> [Work request] In the entries that follow, find each line with the word "IFCSIUNIT" and copy it.

Saved data entries:
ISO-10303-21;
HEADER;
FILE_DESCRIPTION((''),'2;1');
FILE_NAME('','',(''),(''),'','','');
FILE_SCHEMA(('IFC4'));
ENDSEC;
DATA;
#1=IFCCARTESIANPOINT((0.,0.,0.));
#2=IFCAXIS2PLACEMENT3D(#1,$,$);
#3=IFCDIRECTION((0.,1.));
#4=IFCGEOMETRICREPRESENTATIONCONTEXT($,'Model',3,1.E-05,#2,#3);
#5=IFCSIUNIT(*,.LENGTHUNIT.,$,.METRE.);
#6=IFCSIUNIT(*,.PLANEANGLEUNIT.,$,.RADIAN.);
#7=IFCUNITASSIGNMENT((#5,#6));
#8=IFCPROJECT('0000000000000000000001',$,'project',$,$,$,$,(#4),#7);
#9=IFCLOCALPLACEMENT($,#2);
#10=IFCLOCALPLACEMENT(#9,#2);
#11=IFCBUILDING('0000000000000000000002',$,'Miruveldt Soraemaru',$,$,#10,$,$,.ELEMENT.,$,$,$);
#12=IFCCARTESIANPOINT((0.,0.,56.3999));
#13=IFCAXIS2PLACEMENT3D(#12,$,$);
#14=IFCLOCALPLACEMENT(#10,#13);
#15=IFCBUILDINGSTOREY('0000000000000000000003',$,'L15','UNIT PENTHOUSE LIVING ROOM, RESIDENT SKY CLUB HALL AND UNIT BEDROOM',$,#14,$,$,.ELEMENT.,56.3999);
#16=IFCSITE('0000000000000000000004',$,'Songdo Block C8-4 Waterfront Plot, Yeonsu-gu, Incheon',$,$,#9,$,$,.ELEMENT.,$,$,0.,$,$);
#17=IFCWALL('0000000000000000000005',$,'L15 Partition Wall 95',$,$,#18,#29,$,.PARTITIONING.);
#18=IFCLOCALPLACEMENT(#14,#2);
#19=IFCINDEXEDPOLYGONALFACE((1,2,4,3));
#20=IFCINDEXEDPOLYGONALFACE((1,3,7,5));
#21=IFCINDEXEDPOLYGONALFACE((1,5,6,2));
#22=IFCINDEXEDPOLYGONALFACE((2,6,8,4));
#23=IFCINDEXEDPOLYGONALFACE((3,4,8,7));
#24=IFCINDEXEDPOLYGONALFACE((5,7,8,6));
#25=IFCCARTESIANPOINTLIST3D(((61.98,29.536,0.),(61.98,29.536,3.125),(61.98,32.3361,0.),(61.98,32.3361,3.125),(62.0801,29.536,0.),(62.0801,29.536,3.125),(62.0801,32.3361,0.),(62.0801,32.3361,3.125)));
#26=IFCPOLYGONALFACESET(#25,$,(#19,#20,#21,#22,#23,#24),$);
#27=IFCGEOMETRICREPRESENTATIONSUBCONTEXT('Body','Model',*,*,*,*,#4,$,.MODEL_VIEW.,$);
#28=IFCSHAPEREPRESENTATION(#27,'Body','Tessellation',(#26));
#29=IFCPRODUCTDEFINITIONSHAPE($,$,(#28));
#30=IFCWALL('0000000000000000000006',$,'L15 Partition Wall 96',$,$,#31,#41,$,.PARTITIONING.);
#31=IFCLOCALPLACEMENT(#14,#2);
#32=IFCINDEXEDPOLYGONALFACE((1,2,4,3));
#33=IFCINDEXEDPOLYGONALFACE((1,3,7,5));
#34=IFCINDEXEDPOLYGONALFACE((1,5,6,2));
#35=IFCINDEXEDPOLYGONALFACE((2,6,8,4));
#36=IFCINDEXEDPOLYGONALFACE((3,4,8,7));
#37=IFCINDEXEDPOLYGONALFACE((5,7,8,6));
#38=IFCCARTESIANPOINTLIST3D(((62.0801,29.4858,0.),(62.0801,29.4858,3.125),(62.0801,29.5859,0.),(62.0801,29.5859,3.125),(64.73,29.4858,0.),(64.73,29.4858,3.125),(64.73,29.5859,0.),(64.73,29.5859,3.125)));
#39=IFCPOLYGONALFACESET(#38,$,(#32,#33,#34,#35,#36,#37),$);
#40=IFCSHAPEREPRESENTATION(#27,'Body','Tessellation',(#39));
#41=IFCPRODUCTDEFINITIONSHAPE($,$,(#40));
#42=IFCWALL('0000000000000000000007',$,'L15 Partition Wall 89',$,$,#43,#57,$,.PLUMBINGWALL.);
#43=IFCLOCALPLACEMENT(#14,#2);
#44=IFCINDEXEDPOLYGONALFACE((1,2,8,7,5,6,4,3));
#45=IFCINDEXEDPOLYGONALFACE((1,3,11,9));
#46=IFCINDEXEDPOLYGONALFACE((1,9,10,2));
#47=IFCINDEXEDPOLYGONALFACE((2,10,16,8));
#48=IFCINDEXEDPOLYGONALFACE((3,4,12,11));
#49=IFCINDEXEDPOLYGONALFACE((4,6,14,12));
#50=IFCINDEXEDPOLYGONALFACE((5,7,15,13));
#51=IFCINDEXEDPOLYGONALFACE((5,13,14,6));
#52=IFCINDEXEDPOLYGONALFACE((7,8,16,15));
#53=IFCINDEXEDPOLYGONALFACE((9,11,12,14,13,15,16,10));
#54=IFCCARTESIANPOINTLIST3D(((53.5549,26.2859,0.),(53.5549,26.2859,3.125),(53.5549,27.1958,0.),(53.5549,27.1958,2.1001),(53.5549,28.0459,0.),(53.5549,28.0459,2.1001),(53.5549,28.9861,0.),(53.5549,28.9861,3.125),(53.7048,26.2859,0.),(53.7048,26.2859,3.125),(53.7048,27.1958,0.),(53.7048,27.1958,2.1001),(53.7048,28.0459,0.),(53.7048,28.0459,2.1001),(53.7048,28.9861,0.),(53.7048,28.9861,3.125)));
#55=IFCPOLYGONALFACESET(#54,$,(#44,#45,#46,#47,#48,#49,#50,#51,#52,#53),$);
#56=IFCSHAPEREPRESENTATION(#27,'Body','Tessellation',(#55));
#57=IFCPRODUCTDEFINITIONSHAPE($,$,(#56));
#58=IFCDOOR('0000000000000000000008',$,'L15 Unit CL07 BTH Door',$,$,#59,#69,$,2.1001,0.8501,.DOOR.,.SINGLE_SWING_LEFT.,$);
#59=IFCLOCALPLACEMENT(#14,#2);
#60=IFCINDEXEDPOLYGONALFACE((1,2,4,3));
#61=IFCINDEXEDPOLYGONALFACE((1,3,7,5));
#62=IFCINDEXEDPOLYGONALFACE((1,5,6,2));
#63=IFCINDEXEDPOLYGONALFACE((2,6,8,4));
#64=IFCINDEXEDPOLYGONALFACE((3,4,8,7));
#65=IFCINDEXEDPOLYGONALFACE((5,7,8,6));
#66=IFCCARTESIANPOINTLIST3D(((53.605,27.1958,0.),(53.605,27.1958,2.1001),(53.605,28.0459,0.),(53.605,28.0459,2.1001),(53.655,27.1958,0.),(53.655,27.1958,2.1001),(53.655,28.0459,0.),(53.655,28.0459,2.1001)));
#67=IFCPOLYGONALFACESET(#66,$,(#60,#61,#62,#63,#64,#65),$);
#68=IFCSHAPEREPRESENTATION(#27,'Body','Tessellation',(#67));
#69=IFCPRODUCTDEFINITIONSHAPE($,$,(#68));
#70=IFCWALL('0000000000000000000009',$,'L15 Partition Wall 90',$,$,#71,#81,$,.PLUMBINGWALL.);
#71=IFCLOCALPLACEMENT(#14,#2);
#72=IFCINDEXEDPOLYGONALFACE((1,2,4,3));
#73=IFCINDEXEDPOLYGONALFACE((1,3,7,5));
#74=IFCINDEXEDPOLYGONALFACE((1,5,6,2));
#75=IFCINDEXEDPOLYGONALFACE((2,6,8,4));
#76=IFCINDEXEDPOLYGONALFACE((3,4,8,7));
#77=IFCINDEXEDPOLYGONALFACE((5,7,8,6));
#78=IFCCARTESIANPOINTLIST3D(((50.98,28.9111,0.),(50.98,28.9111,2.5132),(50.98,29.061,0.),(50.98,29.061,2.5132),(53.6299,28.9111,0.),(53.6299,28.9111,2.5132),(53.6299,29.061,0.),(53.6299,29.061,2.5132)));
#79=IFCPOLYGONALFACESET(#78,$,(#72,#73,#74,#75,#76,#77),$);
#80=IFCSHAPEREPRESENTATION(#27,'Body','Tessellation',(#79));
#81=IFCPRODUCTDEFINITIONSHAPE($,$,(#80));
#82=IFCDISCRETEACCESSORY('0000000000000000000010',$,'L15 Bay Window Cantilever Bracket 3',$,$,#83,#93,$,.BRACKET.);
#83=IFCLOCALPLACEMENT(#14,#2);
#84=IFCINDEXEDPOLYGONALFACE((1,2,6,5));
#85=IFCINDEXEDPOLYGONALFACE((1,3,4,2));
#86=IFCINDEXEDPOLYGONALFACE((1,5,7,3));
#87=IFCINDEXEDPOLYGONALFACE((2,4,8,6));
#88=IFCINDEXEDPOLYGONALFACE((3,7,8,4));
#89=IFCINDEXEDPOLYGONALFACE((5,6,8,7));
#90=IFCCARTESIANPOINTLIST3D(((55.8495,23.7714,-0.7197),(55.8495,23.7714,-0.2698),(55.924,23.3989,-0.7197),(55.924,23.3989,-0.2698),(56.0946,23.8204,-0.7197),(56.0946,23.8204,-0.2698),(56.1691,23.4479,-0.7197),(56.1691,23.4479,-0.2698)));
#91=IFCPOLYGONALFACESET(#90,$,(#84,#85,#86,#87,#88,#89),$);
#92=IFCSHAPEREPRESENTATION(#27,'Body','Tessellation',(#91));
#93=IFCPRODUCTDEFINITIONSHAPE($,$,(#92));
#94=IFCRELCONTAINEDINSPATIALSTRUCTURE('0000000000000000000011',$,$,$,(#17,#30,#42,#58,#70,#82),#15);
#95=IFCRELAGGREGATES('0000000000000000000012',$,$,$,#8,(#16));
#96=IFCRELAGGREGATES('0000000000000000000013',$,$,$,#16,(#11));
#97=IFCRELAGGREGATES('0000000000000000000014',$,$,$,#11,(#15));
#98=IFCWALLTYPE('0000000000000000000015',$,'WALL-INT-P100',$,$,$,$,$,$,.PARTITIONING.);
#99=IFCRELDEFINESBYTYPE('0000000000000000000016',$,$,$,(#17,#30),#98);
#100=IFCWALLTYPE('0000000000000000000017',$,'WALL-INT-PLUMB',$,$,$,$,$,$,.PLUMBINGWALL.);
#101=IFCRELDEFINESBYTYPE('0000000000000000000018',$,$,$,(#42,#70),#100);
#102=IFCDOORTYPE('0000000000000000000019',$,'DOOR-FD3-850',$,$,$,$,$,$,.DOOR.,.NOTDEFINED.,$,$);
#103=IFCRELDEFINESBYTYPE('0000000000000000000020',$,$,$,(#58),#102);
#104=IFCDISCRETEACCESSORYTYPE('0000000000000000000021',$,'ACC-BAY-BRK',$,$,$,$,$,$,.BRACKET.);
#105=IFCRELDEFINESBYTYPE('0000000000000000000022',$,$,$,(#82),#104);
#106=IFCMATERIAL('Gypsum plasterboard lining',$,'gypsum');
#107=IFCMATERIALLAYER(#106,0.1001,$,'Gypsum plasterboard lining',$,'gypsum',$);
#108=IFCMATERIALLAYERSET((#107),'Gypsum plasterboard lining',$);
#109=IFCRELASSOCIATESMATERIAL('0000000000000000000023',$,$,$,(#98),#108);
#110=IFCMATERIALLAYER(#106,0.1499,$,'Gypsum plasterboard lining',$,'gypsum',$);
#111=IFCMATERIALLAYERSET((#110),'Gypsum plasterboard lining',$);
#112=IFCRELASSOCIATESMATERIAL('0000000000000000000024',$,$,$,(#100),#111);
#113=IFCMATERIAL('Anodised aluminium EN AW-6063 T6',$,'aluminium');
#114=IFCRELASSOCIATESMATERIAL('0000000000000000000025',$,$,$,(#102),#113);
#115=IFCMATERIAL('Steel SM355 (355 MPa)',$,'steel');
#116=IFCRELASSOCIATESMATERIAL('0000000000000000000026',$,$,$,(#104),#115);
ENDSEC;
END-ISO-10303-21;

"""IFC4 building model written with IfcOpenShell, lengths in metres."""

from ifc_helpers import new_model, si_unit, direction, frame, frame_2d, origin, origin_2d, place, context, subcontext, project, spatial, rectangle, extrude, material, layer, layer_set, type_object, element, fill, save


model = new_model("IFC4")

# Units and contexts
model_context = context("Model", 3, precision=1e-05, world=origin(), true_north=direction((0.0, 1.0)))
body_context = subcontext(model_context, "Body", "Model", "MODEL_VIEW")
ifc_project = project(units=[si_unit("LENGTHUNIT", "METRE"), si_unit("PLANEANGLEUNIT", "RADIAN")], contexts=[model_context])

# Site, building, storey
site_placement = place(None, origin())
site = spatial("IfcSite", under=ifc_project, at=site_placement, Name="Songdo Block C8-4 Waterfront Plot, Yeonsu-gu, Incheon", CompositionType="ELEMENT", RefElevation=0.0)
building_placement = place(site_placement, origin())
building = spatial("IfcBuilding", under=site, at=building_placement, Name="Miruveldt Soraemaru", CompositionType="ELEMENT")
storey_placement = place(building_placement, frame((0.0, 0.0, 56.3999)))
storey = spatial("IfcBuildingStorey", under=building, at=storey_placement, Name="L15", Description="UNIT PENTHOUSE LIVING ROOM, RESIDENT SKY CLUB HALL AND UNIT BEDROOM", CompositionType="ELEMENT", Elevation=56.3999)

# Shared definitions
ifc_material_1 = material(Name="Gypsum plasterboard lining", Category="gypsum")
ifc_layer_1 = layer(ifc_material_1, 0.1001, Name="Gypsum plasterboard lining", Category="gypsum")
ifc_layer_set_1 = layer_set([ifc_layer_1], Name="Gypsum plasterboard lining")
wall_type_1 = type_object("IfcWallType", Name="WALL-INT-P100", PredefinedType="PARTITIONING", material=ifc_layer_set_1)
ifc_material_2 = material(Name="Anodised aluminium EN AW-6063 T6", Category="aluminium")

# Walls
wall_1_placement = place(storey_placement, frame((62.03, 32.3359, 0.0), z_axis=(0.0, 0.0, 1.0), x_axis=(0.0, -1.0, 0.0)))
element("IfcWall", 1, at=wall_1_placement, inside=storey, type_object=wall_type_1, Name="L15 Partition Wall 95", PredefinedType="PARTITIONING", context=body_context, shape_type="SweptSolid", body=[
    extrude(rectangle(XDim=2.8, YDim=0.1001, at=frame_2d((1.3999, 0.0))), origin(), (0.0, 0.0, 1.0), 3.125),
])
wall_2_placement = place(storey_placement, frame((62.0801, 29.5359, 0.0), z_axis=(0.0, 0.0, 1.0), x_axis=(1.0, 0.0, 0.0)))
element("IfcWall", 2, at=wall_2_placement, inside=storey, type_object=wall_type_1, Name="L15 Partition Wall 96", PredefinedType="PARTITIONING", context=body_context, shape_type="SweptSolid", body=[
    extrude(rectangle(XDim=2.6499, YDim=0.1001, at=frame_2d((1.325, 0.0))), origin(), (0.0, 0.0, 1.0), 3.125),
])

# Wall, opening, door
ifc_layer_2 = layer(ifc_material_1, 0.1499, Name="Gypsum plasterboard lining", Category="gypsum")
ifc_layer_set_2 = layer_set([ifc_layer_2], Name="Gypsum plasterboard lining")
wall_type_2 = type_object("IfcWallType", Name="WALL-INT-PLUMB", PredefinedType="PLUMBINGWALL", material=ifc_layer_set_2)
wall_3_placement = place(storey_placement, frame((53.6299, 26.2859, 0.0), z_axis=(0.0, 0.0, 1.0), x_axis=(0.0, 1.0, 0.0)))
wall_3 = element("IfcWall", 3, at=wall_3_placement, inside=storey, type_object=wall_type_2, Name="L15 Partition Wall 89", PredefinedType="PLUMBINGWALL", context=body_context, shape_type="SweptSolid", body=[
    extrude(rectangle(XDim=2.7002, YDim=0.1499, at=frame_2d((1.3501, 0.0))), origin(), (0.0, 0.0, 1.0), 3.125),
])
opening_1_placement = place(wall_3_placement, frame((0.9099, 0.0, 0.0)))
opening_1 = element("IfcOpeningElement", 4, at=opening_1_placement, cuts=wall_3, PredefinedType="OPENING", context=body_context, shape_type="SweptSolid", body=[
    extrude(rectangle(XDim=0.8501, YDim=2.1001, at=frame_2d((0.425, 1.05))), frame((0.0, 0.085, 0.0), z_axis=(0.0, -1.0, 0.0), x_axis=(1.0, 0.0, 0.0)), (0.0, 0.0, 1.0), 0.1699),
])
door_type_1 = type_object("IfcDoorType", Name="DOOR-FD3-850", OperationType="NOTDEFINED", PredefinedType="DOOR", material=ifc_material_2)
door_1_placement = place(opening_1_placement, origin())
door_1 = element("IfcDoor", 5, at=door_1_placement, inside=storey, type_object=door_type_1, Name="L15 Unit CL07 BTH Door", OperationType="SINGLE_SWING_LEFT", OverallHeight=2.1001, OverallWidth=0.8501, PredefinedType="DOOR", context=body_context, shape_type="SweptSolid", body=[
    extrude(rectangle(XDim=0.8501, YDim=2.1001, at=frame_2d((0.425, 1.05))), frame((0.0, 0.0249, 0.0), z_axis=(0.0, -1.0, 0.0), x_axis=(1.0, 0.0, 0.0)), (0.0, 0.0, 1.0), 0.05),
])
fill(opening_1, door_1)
--
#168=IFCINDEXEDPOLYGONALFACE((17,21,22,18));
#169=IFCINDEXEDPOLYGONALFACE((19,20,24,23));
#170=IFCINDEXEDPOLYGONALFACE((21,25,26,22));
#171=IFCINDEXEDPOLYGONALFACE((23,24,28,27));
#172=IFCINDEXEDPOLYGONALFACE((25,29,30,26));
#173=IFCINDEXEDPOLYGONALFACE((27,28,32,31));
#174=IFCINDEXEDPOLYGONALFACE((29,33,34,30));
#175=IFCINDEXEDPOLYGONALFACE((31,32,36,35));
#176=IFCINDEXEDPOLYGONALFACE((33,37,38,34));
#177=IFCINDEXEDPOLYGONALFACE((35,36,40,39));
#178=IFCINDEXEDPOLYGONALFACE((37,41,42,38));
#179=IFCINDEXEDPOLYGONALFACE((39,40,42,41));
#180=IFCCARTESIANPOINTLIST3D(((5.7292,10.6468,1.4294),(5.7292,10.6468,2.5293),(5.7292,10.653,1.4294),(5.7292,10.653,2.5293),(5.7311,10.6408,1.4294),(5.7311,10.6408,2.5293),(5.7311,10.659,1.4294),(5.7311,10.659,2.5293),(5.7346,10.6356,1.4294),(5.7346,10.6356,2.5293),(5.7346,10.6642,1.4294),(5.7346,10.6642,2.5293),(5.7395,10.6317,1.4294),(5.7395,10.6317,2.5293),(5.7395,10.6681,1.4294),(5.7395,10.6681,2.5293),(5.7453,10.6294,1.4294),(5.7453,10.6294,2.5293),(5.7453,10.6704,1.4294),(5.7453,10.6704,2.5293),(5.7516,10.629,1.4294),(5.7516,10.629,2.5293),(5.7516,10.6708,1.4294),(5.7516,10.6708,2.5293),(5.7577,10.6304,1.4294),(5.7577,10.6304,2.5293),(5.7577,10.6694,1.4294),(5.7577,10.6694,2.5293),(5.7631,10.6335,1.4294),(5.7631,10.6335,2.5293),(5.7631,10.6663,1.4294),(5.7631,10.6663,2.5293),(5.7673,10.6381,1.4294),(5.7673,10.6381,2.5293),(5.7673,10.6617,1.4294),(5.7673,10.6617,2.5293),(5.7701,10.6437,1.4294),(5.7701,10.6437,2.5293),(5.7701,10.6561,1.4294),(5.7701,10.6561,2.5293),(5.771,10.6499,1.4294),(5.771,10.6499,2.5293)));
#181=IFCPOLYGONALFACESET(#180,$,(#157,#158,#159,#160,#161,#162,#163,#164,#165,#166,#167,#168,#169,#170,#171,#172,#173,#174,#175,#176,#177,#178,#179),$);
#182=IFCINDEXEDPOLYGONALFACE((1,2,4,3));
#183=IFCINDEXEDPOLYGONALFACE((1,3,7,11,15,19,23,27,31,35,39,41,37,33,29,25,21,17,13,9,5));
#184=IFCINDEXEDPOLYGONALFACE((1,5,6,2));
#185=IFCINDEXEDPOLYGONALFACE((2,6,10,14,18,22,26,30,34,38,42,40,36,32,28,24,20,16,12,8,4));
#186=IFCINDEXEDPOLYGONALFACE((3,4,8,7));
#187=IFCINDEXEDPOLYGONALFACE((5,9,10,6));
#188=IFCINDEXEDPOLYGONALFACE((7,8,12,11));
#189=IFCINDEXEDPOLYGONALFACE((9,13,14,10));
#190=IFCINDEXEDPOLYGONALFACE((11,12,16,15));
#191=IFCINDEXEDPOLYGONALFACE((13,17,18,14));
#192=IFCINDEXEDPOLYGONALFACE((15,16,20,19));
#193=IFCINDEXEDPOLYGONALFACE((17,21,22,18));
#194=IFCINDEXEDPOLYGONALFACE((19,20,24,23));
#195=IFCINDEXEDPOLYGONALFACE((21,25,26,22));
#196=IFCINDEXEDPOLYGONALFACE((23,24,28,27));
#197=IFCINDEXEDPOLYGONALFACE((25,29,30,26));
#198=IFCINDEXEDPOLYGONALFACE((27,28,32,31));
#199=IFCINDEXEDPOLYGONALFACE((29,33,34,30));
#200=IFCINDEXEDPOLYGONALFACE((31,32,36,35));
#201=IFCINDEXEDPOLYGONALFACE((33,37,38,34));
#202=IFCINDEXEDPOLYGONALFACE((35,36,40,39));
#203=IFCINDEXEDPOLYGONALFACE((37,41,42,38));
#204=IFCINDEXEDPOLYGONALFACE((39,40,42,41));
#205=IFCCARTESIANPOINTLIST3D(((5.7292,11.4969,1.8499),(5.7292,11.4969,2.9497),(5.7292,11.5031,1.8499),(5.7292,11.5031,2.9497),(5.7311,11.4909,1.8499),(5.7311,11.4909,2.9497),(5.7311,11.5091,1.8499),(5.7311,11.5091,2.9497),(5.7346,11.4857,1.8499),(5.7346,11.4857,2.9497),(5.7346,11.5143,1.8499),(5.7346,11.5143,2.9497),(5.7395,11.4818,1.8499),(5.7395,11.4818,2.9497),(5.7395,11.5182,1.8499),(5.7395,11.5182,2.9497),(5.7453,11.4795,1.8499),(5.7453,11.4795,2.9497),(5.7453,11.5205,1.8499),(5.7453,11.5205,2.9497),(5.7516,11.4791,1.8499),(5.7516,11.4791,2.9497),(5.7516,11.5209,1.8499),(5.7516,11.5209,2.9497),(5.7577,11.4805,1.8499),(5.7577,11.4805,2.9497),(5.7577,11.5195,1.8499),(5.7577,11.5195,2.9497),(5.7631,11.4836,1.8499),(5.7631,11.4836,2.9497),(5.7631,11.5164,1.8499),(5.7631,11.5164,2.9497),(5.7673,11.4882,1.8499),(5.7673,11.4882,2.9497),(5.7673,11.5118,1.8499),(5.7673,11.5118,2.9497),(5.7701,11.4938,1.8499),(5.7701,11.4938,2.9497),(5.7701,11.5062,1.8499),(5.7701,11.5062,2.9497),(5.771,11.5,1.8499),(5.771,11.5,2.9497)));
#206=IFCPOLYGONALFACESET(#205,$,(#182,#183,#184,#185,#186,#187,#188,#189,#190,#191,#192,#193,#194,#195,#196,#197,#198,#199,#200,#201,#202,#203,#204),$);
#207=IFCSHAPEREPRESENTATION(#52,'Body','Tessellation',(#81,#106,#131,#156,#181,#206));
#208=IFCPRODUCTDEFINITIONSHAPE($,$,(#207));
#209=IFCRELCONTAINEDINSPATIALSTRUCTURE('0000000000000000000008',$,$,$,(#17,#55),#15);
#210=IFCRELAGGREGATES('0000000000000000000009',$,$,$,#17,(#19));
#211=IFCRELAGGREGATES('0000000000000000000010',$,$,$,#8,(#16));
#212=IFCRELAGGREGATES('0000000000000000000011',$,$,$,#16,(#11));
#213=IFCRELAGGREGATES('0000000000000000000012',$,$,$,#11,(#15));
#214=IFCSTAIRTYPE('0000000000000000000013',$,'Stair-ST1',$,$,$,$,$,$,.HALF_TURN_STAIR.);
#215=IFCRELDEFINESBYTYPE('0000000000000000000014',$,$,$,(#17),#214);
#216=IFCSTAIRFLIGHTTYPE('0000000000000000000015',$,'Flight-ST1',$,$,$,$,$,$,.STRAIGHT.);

> [Task answer]
#5=IFCSIUNIT(*,.LENGTHUNIT.,$,.METRE.);
#6=IFCSIUNIT(*,.PLANEANGLEUNIT.,$,.RADIAN.);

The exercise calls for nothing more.